# [Exercise details]
Only lines that contain the word "IfcRelVoidsElement" belong in the answer; copy them from the records below.

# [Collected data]
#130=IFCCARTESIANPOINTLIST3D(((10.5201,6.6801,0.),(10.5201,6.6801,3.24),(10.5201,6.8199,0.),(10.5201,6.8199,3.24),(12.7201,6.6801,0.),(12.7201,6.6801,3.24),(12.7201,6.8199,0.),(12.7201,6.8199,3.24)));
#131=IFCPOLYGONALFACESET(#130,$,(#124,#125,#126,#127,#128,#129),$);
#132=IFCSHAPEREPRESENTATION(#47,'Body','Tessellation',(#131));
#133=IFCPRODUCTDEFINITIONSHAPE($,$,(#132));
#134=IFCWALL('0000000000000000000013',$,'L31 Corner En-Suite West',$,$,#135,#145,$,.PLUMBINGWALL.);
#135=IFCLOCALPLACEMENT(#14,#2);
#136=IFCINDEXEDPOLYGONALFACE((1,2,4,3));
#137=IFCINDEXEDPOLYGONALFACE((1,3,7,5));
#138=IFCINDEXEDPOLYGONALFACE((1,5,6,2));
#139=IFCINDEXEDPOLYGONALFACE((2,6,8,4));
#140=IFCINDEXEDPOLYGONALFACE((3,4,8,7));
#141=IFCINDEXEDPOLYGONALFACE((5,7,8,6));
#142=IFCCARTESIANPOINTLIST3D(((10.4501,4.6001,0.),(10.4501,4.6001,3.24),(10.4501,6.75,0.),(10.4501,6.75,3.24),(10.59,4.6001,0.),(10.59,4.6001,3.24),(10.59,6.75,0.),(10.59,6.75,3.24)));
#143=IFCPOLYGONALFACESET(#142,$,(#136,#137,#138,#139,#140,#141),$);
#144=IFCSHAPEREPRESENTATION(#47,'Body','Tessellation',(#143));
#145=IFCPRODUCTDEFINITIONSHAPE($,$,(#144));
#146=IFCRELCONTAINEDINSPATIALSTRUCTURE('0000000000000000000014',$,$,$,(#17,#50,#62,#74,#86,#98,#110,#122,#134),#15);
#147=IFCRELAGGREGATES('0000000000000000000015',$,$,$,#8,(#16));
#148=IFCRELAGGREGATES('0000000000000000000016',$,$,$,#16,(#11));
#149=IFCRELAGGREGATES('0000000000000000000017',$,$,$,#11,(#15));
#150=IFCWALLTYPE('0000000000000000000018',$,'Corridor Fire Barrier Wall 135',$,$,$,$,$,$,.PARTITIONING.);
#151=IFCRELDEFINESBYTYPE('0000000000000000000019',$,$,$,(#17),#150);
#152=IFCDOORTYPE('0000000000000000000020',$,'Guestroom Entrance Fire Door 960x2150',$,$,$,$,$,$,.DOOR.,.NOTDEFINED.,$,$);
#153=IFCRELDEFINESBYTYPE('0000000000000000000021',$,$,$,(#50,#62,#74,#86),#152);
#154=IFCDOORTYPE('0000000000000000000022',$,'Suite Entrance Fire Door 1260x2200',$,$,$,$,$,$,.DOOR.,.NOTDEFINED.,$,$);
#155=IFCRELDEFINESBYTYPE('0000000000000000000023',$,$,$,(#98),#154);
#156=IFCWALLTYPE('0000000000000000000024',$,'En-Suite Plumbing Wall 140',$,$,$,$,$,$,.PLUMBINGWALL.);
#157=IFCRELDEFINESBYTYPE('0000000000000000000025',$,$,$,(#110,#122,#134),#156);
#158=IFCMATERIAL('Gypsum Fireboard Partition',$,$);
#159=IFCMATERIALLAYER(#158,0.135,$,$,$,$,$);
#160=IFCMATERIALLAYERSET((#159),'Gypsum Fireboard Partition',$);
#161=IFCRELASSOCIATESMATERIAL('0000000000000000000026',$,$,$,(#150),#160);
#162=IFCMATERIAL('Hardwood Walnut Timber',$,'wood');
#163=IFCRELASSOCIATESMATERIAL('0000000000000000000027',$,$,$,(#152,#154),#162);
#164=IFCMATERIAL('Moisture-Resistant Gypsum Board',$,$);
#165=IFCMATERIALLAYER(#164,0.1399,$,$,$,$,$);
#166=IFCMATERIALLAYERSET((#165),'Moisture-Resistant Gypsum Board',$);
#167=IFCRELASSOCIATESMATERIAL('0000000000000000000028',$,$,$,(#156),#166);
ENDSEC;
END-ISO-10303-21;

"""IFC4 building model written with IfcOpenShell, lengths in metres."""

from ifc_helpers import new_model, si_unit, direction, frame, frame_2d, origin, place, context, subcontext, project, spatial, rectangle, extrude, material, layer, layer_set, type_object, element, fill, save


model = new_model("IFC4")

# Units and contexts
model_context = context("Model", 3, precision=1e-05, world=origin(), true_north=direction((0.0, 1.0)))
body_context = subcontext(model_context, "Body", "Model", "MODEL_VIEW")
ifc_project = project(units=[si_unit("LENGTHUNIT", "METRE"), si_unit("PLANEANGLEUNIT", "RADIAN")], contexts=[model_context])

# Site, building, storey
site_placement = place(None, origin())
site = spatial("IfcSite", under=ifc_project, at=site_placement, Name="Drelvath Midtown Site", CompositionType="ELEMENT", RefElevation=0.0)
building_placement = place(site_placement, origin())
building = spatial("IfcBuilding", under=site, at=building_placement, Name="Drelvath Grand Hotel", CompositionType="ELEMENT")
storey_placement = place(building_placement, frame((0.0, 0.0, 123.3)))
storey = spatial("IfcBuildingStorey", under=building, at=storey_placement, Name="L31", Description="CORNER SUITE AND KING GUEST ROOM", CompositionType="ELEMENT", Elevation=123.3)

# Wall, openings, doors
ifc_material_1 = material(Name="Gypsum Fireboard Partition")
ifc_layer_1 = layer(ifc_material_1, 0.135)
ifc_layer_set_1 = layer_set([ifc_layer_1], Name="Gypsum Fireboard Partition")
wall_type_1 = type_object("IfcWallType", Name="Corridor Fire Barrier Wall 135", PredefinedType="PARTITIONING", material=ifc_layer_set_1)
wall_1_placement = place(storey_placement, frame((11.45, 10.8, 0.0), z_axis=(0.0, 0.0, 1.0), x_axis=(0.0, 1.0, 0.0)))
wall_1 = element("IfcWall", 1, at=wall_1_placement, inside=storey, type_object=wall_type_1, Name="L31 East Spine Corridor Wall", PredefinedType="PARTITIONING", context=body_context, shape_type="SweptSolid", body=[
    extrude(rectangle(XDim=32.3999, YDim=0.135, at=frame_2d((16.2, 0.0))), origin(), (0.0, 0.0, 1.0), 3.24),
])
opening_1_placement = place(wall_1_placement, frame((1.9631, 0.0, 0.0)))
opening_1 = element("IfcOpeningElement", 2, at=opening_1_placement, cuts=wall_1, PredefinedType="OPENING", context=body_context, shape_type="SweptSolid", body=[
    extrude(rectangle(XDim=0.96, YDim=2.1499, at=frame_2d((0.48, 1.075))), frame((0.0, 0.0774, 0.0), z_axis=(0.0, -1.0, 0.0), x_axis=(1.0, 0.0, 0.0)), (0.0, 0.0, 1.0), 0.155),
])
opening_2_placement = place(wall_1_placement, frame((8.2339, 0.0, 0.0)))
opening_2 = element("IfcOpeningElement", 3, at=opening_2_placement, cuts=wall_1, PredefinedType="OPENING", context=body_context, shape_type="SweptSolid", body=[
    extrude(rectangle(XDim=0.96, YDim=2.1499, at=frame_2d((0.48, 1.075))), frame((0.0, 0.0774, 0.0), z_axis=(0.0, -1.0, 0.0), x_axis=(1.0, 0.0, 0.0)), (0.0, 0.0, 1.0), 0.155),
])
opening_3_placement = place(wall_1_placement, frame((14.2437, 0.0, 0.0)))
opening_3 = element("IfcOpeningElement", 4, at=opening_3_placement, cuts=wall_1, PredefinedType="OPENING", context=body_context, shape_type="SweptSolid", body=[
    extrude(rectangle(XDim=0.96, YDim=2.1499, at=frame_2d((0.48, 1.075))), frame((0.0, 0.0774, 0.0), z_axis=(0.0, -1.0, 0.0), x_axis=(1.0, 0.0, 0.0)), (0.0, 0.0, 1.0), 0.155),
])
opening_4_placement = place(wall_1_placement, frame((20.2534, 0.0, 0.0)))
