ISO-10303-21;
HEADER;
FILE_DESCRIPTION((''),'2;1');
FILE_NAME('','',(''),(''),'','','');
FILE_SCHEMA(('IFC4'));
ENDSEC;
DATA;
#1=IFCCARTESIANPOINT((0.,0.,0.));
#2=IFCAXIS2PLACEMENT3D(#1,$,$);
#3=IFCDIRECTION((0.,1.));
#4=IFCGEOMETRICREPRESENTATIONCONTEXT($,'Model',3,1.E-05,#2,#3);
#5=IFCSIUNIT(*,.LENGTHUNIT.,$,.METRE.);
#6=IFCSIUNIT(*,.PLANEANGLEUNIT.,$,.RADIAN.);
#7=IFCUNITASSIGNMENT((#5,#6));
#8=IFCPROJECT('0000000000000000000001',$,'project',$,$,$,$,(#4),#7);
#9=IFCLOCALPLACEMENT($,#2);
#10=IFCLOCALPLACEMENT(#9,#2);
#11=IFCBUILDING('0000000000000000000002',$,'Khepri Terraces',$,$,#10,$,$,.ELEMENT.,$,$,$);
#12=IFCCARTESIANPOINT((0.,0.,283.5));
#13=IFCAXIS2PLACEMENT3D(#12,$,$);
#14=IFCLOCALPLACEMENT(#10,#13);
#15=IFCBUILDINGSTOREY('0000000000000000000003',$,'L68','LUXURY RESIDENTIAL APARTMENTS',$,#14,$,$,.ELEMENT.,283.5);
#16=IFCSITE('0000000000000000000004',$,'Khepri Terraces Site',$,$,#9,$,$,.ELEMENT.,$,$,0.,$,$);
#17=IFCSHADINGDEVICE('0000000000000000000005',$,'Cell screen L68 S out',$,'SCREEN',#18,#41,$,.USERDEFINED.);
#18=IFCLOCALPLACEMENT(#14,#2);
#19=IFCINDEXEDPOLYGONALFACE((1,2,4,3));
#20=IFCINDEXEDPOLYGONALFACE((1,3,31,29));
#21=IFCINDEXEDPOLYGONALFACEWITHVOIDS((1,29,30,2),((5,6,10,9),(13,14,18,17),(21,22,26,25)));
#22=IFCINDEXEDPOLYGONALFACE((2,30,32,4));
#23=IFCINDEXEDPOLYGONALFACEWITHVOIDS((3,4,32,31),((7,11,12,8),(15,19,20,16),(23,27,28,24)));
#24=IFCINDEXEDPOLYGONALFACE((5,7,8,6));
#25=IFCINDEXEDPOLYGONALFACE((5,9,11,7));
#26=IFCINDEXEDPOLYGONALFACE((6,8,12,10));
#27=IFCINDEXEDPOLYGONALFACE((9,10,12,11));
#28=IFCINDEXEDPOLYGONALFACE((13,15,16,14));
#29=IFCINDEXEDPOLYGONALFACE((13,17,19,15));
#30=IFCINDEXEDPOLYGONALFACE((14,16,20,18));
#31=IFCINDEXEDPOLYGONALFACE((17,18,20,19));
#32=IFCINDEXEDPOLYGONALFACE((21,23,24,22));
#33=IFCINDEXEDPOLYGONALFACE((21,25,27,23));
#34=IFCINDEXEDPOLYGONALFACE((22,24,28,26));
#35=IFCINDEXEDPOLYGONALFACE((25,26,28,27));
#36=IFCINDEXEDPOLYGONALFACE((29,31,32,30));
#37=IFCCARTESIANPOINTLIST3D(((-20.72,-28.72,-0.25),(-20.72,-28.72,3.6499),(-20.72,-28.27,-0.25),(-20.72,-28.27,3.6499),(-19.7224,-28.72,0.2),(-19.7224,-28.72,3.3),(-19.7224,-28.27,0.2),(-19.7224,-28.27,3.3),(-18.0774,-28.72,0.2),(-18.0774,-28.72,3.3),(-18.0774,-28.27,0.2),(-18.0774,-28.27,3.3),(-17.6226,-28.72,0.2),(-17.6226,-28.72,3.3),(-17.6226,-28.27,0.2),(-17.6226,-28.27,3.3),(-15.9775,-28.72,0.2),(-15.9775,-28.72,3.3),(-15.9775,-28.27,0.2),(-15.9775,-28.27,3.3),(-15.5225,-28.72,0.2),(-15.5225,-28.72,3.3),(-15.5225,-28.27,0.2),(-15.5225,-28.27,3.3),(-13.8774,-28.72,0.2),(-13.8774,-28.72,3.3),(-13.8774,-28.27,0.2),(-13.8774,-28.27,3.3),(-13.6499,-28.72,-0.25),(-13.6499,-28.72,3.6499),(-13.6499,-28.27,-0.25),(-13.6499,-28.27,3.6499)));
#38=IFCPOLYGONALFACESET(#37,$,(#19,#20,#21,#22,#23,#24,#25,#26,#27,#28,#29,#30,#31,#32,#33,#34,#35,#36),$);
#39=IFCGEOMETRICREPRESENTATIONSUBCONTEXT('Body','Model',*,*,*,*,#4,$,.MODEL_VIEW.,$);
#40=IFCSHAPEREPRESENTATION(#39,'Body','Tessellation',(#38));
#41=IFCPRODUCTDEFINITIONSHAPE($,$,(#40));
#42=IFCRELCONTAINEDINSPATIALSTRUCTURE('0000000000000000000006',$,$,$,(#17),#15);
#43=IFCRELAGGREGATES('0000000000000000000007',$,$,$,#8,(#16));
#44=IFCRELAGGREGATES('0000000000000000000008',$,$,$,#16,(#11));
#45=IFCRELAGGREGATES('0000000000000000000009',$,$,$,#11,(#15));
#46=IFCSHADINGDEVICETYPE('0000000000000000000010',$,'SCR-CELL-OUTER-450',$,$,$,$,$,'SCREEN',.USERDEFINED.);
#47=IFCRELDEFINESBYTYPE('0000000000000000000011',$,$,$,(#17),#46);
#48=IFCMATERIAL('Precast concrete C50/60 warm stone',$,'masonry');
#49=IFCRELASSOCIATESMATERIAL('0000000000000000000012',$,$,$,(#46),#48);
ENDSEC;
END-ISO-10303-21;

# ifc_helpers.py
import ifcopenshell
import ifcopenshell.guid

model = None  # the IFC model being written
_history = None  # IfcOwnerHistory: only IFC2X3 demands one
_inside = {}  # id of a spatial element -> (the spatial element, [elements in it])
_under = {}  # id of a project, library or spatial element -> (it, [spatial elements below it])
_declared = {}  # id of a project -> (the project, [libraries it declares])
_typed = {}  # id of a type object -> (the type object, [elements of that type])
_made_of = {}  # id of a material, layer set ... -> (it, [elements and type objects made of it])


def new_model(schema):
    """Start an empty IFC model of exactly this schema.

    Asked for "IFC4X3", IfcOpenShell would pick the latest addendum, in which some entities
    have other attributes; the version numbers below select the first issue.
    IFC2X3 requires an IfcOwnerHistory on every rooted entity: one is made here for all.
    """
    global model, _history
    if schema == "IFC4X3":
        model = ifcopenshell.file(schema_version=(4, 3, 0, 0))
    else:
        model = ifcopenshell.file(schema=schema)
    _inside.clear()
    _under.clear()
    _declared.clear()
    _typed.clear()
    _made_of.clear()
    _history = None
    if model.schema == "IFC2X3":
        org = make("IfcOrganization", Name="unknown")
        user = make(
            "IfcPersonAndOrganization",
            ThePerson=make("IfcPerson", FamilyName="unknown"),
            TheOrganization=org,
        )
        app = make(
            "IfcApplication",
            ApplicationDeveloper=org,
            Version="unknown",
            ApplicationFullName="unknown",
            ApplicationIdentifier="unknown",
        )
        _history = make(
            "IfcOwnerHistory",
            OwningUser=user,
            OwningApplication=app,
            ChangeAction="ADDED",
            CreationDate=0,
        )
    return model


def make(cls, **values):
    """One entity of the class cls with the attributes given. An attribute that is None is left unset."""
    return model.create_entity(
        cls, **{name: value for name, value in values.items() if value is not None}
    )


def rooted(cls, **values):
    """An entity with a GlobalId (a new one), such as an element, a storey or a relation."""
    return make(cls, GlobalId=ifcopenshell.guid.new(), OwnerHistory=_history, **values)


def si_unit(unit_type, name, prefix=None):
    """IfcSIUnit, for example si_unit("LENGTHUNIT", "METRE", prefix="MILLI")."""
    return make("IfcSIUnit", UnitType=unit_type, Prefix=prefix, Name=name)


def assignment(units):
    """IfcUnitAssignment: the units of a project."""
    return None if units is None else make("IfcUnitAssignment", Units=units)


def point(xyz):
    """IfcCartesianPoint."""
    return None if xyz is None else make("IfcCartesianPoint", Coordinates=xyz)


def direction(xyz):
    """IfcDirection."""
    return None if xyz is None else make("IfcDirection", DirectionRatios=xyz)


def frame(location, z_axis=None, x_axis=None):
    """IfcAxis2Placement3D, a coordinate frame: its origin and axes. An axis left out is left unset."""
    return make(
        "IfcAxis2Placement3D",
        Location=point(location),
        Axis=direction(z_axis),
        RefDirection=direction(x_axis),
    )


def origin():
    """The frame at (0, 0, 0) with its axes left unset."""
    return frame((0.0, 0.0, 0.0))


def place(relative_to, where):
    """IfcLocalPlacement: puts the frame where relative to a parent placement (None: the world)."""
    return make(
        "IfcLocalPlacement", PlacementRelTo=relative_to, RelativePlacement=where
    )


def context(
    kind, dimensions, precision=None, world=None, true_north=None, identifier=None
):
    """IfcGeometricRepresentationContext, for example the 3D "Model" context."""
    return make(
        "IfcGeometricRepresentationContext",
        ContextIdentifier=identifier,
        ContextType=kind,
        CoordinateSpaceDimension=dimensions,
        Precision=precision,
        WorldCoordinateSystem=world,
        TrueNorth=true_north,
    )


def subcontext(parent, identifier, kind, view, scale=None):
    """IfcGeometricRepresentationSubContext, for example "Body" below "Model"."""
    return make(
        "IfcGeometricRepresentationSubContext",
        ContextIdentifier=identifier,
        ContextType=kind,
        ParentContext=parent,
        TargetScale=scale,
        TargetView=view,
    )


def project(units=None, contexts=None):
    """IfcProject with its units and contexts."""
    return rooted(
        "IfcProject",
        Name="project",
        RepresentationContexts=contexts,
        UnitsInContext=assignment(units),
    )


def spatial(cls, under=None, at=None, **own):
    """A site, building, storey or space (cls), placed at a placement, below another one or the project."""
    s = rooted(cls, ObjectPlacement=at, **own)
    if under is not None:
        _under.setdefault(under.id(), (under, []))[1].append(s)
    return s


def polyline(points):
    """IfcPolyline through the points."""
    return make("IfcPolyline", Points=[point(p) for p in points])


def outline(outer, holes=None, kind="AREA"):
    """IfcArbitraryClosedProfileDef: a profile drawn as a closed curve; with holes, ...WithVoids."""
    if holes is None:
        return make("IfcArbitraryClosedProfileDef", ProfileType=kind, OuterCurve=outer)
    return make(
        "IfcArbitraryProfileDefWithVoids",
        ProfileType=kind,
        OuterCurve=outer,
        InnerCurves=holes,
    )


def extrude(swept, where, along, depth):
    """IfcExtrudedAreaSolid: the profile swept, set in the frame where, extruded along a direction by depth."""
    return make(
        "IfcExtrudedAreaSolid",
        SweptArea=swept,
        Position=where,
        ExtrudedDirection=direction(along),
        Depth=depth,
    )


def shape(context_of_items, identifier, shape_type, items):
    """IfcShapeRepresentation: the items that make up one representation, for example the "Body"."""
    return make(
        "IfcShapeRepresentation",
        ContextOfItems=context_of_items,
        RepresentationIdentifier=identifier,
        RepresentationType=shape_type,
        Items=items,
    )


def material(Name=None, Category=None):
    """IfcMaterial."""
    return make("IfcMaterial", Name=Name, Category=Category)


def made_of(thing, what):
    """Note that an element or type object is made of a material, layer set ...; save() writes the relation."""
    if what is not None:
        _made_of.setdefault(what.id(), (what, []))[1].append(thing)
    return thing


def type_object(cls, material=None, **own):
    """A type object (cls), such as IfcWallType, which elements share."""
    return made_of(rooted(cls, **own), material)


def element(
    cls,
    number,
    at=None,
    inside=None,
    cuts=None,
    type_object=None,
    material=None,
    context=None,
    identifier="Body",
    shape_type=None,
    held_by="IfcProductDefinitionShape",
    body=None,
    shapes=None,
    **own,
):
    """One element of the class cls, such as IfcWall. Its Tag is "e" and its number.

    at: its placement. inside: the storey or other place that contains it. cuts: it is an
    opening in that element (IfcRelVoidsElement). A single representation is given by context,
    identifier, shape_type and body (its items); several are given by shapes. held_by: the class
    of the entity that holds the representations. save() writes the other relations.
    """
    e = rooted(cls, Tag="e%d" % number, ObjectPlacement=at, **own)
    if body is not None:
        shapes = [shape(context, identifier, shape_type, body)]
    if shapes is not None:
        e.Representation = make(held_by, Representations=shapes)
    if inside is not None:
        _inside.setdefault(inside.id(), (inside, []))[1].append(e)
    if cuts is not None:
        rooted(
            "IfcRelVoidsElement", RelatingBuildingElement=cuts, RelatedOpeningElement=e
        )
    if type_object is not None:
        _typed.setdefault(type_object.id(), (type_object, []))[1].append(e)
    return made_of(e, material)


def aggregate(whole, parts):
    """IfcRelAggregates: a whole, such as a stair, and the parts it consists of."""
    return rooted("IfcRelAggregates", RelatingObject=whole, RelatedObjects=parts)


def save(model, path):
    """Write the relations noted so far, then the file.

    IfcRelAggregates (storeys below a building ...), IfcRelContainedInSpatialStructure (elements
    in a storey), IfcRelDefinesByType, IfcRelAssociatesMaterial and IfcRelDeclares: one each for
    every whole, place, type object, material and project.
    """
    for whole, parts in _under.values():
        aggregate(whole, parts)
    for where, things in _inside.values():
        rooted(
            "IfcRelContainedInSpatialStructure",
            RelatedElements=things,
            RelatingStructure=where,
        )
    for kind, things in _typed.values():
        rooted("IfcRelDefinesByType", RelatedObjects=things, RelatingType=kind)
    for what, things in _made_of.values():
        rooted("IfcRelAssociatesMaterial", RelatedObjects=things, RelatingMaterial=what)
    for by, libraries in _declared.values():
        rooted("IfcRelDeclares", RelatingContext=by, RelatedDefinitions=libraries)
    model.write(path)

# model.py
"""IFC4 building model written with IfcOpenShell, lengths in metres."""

from ifc_helpers import new_model, si_unit, direction, frame, origin, place, context, subcontext, project, spatial, polyline, outline, extrude, material, type_object, element, save


model = new_model("IFC4")

# Units and contexts
model_context = context("Model", 3, precision=1e-05, world=origin(), true_north=direction((0.0, 1.0)))
body_context = subcontext(model_context, "Body", "Model", "MODEL_VIEW")
ifc_project = project(units=[si_unit("LENGTHUNIT", "METRE"), si_unit("PLANEANGLEUNIT", "RADIAN")], contexts=[model_context])

# Site, building, storey
site_placement = place(None, origin())
site = spatial("IfcSite", under=ifc_project, at=site_placement, Name="Khepri Terraces Site", CompositionType="ELEMENT", RefElevation=0.0)
building_placement = place(site_placement, origin())
building = spatial("IfcBuilding", under=site, at=building_placement, Name="Khepri Terraces", CompositionType="ELEMENT")
storey_placement = place(building_placement, frame((0.0, 0.0, 283.5)))
storey = spatial("IfcBuildingStorey", under=building, at=storey_placement, Name="L68", Description="LUXURY RESIDENTIAL APARTMENTS", CompositionType="ELEMENT", Elevation=283.5)

# Shared definitions
ifc_material_1 = material(Name="Precast concrete C50/60 warm stone", Category="masonry")

# Shading device
shading_device_type_1 = type_object("IfcShadingDeviceType", Name="SCR-CELL-OUTER-450", ElementType="SCREEN", PredefinedType="USERDEFINED", material=ifc_material_1)
shading_device_1_placement = place(storey_placement, frame((-20.72, -28.27, -0.25), z_axis=(0.0, -1.0, 0.0), x_axis=(1.0, 0.0, 0.0)))
element("IfcShadingDevice", 1, at=shading_device_1_placement, inside=storey, type_object=shading_device_type_1, Name="Cell screen L68 S out", ObjectType="SCREEN", PredefinedType="USERDEFINED", context=body_context, shape_type="SweptSolid", body=[
    extrude(outline(polyline([(0.0, 0.0), (7.0701, 0.0), (7.0701, 3.8999), (0.0, 3.8999), (0.0, 0.0)]), holes=[polyline([(0.9976, 0.45), (2.6426, 0.45), (2.6426, 3.55), (0.9976, 3.55), (0.9976, 0.45)]), polyline([(3.0974, 0.45), (4.7424, 0.45), (4.7424, 3.55), (3.0974, 3.55), (3.0974, 0.45)]), polyline([(5.1975, 0.45), (6.8425, 0.45), (6.8425, 3.55), (5.1975, 3.55), (5.1975, 0.45)])]), origin(), (0.0, 0.0, 1.0), 0.45),
])

save(model, "model.ifc")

# [Solution]
    opening in that element (IfcRelVoidsElement). A single representation is given by context,
            "IfcRelVoidsElement", RelatingBuildingElement=cuts, RelatedOpeningElement=e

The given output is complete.